## Action item
Repeat only the stretch of lines below that runs from the line with "building model written" through the line with "frame((0.0, 0.0, 9.6001)))", unaltered.

## Record set
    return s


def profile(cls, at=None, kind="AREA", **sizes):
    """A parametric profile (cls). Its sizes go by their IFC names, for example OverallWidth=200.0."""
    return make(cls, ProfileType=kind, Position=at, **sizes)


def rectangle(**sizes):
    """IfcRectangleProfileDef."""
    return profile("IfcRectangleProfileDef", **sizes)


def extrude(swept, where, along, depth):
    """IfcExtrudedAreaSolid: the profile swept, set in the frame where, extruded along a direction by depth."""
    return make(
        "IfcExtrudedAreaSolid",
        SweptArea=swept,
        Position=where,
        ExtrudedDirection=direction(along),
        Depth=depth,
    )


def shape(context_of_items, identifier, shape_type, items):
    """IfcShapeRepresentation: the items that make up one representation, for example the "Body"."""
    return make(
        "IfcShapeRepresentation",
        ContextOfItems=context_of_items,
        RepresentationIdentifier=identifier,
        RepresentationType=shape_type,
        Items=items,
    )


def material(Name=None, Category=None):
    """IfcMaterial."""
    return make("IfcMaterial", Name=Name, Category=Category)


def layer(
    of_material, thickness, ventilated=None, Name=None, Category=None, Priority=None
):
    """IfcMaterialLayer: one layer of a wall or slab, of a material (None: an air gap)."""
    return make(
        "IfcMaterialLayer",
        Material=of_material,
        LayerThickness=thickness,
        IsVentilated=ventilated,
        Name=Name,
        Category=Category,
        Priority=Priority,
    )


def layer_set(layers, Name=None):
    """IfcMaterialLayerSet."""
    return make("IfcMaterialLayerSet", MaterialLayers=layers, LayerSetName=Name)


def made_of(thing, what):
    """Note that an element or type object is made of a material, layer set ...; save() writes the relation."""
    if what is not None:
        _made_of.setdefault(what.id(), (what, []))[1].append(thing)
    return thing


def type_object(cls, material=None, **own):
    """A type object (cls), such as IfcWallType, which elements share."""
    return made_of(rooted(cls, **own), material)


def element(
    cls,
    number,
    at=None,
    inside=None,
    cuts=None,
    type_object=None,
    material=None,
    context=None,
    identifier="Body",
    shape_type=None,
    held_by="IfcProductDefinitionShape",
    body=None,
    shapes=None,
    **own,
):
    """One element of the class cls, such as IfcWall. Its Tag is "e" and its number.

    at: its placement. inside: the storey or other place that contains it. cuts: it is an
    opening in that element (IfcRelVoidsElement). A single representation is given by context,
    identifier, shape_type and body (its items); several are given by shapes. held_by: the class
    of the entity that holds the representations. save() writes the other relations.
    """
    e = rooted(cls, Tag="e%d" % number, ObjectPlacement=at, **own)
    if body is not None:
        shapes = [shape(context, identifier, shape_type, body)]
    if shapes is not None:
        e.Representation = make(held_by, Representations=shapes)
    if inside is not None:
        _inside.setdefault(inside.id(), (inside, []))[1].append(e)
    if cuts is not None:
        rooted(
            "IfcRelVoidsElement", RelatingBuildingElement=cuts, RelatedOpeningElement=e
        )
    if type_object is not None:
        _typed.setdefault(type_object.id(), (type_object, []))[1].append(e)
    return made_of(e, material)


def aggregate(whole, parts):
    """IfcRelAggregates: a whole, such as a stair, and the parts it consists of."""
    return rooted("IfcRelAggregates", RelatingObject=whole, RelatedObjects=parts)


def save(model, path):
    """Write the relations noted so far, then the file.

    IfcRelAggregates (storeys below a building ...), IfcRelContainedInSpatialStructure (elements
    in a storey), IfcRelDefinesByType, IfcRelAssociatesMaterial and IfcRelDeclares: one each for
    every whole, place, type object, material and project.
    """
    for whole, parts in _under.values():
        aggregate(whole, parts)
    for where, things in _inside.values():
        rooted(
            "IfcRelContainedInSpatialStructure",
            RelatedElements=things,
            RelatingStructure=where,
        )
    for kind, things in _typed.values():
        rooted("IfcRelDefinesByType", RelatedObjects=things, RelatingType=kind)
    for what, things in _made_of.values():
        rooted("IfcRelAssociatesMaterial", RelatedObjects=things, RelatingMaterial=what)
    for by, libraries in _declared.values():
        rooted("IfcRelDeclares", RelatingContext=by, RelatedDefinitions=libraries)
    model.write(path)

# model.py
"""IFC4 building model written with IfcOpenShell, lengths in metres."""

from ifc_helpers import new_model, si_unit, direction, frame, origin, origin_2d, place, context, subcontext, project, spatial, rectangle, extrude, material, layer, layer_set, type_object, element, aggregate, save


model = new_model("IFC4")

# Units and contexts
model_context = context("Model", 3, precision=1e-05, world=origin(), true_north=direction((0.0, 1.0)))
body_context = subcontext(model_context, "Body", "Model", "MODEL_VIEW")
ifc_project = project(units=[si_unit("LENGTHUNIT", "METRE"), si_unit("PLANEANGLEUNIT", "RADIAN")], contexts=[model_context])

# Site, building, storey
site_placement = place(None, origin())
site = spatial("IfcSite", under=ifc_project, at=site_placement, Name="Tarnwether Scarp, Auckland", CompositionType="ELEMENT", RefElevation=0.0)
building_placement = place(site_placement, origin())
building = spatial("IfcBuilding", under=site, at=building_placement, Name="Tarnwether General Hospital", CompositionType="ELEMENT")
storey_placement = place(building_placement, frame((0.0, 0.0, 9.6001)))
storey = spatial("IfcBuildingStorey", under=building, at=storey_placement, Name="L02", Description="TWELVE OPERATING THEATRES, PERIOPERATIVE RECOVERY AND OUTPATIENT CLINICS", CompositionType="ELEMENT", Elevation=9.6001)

## Result of the task
"""IFC4 building model written with IfcOpenShell, lengths in metres."""

from ifc_helpers import new_model, si_unit, direction, frame, origin, origin_2d, place, context, subcontext, project, spatial, rectangle, extrude, material, layer, layer_set, type_object, element, aggregate, save


model = new_model("IFC4")

# Units and contexts
model_context = context("Model", 3, precision=1e-05, world=origin(), true_north=direction((0.0, 1.0)))
body_context = subcontext(model_context, "Body", "Model", "MODEL_VIEW")
ifc_project = project(units=[si_unit("LENGTHUNIT", "METRE"), si_unit("PLANEANGLEUNIT", "RADIAN")], contexts=[model_context])

# Site, building, storey
site_placement = place(None, origin())
site = spatial("IfcSite", under=ifc_project, at=site_placement, Name="Tarnwether Scarp, Auckland", CompositionType="ELEMENT", RefElevation=0.0)
building_placement = place(site_placement, origin())
building = spatial("IfcBuilding", under=site, at=building_placement, Name="Tarnwether General Hospital", CompositionType="ELEMENT")
storey_placement = place(building_placement, frame((0.0, 0.0, 9.6001)))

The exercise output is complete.